- _What you are asked to do_: Repeat exactly what appears from the opening line of the listing to the line with "#210=IFCMATERIAL('Stainless steel',$,'steel');", inclusive.

- _Data to use_:
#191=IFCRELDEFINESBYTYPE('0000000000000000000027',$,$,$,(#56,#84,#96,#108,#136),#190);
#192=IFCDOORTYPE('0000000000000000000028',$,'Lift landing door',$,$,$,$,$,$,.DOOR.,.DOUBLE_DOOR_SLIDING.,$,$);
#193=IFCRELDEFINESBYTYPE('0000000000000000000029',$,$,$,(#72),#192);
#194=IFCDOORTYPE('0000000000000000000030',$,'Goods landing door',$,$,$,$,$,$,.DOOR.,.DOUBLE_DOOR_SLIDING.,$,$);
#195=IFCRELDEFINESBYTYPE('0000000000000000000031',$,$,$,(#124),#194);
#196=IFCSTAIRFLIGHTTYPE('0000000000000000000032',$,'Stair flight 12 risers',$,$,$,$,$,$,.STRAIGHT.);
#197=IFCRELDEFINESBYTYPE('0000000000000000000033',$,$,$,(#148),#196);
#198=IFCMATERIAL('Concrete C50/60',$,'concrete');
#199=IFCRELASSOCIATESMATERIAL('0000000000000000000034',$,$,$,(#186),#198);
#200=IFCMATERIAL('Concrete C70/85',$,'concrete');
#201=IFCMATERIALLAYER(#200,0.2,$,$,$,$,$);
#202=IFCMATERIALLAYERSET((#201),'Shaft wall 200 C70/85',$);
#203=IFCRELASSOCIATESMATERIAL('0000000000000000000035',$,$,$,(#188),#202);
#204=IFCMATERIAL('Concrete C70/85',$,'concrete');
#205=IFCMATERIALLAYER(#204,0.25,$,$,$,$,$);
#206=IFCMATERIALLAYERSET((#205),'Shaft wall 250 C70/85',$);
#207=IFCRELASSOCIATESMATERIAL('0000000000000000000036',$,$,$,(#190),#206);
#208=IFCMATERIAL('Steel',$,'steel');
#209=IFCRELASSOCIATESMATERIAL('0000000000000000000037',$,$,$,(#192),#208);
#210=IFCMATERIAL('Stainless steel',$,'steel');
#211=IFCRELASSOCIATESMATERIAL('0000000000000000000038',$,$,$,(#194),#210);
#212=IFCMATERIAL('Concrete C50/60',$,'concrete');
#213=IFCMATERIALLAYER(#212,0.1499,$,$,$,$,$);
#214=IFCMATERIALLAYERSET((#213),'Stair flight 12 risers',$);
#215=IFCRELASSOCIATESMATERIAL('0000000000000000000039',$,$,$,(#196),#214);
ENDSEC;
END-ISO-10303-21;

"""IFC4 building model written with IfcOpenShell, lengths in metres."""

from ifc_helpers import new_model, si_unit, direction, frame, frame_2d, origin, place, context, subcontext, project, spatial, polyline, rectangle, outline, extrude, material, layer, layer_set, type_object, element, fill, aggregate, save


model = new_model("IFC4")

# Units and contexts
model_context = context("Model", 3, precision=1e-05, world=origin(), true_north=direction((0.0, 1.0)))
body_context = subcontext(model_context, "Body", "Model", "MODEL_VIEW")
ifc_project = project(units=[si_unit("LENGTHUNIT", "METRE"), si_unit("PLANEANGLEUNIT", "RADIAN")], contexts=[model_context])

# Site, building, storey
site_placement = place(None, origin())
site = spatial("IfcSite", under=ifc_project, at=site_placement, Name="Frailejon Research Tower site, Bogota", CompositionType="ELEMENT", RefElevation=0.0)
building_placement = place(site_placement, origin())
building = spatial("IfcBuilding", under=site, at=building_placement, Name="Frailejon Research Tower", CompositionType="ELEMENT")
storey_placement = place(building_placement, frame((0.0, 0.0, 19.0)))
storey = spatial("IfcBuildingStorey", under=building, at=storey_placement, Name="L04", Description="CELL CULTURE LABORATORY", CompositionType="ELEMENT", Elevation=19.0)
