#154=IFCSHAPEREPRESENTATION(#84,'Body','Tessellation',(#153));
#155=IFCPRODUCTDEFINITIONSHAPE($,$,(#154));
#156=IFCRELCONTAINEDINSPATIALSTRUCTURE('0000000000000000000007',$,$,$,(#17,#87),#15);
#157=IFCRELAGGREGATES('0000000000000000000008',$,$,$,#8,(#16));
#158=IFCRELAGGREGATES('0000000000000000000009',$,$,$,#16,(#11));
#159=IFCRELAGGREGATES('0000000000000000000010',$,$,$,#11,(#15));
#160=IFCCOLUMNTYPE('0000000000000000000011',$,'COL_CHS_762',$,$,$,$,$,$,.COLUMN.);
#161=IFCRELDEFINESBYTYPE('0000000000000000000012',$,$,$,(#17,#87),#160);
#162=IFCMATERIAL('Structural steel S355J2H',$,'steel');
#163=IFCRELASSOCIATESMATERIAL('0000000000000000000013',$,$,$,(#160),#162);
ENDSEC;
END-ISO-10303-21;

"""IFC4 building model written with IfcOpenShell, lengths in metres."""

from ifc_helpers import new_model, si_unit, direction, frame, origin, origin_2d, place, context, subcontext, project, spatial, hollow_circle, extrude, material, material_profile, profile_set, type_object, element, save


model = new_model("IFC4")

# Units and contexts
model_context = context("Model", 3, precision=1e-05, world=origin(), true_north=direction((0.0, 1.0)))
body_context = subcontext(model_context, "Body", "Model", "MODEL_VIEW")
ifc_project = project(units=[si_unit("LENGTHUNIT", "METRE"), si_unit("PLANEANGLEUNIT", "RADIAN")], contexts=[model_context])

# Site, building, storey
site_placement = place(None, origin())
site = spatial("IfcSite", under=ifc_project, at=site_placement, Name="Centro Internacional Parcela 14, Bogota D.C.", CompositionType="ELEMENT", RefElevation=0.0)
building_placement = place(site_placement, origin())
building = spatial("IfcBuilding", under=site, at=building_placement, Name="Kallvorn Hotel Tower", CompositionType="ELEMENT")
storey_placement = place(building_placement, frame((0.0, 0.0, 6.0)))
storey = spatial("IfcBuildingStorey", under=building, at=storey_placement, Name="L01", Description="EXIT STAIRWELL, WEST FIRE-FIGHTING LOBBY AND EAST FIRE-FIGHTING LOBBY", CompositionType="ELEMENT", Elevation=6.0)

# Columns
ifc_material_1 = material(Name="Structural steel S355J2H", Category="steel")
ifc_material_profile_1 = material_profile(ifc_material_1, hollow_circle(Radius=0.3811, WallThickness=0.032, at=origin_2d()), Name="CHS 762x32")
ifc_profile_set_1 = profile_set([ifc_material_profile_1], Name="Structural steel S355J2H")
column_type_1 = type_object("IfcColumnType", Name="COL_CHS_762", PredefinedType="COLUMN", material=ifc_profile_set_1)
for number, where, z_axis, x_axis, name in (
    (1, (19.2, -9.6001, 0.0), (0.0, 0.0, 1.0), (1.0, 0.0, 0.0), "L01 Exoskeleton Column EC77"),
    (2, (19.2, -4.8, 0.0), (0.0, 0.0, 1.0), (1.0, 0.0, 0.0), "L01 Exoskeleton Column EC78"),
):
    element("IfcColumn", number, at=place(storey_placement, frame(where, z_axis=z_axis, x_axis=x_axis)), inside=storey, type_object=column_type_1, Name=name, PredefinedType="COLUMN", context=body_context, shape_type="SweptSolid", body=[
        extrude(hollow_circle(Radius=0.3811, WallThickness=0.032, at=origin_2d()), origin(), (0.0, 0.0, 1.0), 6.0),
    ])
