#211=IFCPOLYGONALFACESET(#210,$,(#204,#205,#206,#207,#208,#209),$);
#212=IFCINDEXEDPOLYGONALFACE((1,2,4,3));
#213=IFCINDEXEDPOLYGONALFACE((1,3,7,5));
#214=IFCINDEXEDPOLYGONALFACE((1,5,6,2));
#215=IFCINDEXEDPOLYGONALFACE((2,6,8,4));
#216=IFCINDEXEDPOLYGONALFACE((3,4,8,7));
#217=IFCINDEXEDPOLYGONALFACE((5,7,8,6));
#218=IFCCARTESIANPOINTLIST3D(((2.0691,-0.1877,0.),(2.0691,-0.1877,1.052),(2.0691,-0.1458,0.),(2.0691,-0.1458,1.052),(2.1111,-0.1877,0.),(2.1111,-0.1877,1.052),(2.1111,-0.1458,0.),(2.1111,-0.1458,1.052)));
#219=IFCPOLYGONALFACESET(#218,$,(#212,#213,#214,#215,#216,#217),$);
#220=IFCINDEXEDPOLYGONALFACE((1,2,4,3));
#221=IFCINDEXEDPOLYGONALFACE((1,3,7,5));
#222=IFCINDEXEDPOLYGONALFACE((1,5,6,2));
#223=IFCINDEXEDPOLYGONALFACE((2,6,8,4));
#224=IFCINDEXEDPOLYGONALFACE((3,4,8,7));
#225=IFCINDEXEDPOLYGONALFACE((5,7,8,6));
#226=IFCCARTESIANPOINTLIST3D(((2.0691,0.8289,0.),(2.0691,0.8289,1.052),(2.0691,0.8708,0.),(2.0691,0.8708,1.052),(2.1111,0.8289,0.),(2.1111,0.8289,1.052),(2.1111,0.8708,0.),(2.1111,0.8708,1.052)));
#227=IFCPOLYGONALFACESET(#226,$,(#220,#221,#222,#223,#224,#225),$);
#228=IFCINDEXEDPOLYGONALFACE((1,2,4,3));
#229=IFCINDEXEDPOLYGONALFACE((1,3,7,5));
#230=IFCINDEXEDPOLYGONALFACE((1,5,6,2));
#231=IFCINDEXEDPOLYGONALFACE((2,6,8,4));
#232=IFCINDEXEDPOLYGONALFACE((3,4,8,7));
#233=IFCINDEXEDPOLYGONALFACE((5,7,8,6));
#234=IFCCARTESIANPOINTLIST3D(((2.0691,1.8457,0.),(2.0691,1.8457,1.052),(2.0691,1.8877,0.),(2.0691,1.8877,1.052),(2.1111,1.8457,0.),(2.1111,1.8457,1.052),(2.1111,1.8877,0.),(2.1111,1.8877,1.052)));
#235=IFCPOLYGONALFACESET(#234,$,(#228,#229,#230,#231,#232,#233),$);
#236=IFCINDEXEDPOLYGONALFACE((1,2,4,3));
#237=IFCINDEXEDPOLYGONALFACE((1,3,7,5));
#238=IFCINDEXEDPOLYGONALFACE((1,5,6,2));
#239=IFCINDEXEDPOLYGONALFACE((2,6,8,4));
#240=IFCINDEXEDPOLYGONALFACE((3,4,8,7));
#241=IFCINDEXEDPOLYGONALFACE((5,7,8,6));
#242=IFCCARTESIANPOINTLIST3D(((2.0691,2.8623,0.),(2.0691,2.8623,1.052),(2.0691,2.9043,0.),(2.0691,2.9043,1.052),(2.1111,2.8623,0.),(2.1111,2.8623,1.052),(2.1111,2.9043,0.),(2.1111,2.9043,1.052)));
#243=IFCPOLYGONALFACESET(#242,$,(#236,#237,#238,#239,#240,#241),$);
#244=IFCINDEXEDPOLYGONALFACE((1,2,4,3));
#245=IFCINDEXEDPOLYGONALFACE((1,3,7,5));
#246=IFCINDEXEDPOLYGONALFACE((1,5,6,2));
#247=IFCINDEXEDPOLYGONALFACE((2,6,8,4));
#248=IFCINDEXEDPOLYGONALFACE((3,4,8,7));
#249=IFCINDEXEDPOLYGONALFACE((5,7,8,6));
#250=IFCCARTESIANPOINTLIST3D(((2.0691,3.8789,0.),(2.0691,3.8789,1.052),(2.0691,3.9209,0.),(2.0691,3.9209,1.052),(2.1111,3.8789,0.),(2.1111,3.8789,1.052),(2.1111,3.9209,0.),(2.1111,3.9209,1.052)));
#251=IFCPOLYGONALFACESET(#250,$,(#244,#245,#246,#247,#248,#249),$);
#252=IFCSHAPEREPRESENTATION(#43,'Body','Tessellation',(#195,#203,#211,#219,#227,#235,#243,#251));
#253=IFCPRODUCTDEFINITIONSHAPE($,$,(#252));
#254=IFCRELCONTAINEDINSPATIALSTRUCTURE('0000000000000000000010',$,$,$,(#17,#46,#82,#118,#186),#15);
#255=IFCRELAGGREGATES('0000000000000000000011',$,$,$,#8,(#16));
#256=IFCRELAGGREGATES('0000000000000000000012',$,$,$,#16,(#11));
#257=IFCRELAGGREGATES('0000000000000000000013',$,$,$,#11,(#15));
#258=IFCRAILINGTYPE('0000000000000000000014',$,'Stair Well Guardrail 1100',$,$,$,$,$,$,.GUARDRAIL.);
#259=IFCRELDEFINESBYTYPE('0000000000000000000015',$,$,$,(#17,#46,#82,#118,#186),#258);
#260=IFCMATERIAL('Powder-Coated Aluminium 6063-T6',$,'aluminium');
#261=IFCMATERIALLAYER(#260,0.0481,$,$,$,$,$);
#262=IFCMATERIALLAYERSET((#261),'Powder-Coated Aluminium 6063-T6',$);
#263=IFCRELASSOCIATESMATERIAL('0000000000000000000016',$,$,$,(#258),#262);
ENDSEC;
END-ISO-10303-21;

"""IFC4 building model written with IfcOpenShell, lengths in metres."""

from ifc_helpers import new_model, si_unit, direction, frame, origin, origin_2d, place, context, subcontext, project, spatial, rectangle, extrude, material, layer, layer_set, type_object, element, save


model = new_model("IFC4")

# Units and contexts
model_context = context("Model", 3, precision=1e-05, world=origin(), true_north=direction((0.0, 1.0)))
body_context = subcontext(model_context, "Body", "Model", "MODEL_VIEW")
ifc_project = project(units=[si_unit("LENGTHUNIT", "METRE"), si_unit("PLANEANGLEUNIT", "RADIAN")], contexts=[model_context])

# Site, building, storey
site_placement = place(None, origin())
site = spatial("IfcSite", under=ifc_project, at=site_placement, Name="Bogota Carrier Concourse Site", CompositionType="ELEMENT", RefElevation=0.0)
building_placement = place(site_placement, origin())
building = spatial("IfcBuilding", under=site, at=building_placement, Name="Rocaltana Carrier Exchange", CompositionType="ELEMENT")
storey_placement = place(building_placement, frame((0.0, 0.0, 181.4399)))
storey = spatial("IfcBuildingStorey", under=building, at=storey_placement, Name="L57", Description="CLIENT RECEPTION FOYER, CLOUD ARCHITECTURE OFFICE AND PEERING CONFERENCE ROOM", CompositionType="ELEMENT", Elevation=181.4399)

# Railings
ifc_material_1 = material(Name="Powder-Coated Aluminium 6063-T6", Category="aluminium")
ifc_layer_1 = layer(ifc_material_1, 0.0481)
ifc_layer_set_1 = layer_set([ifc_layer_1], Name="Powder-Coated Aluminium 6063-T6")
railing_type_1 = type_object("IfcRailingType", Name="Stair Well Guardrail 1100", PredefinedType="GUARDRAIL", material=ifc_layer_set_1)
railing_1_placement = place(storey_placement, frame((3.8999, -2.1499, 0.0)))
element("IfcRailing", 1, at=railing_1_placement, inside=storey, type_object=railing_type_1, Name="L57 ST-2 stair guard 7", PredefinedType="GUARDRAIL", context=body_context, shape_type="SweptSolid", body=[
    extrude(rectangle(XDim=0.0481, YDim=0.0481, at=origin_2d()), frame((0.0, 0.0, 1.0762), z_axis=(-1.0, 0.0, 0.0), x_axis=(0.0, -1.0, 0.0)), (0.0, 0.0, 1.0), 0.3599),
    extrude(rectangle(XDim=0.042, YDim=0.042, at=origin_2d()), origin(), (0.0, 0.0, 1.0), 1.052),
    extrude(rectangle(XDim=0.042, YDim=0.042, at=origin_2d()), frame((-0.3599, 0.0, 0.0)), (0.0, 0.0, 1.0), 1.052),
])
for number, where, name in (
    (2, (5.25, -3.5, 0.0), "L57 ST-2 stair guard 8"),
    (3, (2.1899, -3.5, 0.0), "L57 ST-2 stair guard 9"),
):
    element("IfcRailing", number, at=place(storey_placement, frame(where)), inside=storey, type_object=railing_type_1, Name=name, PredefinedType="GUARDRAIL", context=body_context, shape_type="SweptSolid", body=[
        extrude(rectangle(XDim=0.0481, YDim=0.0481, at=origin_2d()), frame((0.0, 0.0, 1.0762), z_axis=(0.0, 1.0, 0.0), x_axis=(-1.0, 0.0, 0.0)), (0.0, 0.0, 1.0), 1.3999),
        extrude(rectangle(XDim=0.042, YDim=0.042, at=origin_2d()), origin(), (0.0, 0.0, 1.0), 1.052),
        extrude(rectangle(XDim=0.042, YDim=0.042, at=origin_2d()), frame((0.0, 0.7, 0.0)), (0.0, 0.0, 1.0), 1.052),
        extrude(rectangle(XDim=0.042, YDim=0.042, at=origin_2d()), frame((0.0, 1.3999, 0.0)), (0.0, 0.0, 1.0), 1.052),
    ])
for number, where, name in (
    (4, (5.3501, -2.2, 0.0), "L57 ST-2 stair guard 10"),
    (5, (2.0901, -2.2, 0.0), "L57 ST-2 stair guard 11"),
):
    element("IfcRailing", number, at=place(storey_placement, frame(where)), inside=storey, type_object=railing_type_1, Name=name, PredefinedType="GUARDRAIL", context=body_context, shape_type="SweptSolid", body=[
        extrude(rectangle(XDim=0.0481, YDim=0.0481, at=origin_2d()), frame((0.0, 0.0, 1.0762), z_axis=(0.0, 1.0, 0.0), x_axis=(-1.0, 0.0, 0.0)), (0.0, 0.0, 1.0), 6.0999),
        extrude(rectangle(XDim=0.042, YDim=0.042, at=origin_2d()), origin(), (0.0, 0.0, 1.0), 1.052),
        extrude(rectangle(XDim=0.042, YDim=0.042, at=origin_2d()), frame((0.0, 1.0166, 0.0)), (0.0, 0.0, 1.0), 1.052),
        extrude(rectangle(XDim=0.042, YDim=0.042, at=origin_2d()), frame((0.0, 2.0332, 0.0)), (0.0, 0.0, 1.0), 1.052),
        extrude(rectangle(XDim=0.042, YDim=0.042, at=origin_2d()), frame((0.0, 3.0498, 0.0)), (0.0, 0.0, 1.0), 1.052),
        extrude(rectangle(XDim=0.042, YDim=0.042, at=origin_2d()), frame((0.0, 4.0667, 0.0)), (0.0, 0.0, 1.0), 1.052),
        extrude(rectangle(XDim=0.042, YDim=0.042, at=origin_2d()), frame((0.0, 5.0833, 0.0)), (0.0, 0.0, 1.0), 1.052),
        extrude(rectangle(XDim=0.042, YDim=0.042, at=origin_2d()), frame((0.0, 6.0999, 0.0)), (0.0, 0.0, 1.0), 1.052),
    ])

- _Answer space_:
#191=IFCRELDEFINESBYTYPE('0000000000000000000027',$,$,$,(#56,#84,#96,#108,#136),#190);
#192=IFCDOORTYPE('0000000000000000000028',$,'Lift landing door',$,$,$,$,$,$,.DOOR.,.DOUBLE_DOOR_SLIDING.,$,$);
#193=IFCRELDEFINESBYTYPE('0000000000000000000029',$,$,$,(#72),#192);
#194=IFCDOORTYPE('0000000000000000000030',$,'Goods landing door',$,$,$,$,$,$,.DOOR.,.DOUBLE_DOOR_SLIDING.,$,$);
#195=IFCRELDEFINESBYTYPE('0000000000000000000031',$,$,$,(#124),#194);
#196=IFCSTAIRFLIGHTTYPE('0000000000000000000032',$,'Stair flight 12 risers',$,$,$,$,$,$,.STRAIGHT.);
#197=IFCRELDEFINESBYTYPE('0000000000000000000033',$,$,$,(#148),#196);
#198=IFCMATERIAL('Concrete C50/60',$,'concrete');
#199=IFCRELASSOCIATESMATERIAL('0000000000000000000034',$,$,$,(#186),#198);
#200=IFCMATERIAL('Concrete C70/85',$,'concrete');
#201=IFCMATERIALLAYER(#200,0.2,$,$,$,$,$);
#202=IFCMATERIALLAYERSET((#201),'Shaft wall 200 C70/85',$);
#203=IFCRELASSOCIATESMATERIAL('0000000000000000000035',$,$,$,(#188),#202);
#204=IFCMATERIAL('Concrete C70/85',$,'concrete');
#205=IFCMATERIALLAYER(#204,0.25,$,$,$,$,$);
#206=IFCMATERIALLAYERSET((#205),'Shaft wall 250 C70/85',$);
#207=IFCRELASSOCIATESMATERIAL('0000000000000000000036',$,$,$,(#190),#206);
#208=IFCMATERIAL('Steel',$,'steel');
#209=IFCRELASSOCIATESMATERIAL('0000000000000000000037',$,$,$,(#192),#208);
#210=IFCMATERIAL('Stainless steel',$,'steel');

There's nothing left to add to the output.